WORK INSTRUCTION:
Scan the entries below line by line and state how many lines contain the string "IFCRELDEFINESBYTYPE", giving only the number.

TASK DATA:
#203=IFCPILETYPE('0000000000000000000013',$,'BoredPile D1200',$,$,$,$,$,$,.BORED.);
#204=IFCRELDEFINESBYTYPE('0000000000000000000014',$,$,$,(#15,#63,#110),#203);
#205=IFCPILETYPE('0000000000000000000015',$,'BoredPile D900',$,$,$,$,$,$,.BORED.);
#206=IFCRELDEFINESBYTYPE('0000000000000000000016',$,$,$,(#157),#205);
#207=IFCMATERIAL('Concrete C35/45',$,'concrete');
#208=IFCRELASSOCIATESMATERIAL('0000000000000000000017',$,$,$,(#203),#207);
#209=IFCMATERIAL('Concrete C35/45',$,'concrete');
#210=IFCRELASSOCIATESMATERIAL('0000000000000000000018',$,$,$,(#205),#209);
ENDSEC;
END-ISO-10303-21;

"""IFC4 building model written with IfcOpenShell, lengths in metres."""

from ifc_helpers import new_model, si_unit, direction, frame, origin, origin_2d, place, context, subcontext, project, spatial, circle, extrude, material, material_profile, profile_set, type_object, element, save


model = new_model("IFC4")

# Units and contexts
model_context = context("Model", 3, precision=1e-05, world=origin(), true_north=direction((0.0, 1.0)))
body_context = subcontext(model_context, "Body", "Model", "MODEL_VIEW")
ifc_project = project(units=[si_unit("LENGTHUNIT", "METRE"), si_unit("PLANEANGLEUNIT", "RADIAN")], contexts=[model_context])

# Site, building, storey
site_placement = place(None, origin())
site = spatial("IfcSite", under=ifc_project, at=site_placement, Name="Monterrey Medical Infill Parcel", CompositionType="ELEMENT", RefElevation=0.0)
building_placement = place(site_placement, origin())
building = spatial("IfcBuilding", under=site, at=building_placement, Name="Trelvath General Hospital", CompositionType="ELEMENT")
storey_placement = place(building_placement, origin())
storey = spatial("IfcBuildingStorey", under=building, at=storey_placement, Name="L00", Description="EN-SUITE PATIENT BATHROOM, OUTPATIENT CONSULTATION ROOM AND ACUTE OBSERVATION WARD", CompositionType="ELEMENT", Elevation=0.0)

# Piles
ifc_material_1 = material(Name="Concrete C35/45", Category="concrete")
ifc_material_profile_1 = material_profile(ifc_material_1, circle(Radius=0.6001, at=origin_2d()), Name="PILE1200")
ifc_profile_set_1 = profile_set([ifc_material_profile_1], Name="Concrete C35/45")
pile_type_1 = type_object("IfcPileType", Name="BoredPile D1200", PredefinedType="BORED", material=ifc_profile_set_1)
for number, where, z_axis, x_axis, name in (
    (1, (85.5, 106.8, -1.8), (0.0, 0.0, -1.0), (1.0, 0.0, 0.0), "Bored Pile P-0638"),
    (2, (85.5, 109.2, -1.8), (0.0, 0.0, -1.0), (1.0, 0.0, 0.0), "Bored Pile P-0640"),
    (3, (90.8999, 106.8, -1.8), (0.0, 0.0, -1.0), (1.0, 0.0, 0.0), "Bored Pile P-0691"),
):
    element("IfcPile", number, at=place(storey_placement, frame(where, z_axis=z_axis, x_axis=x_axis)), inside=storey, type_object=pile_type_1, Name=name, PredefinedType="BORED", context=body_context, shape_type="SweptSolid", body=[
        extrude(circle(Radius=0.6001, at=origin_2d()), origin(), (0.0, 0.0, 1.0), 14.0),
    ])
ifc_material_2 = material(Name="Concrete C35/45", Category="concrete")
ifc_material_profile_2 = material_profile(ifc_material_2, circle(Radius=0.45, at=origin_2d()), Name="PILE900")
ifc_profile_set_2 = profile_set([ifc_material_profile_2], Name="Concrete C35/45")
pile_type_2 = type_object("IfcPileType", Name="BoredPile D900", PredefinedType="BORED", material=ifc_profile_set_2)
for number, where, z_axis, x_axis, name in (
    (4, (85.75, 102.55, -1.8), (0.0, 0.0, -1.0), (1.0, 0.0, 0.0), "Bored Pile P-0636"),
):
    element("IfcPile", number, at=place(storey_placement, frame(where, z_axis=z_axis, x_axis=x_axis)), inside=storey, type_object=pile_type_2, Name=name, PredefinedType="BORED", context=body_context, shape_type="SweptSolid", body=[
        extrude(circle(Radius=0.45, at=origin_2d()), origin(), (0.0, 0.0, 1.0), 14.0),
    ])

EXERCISE ANSWER:
2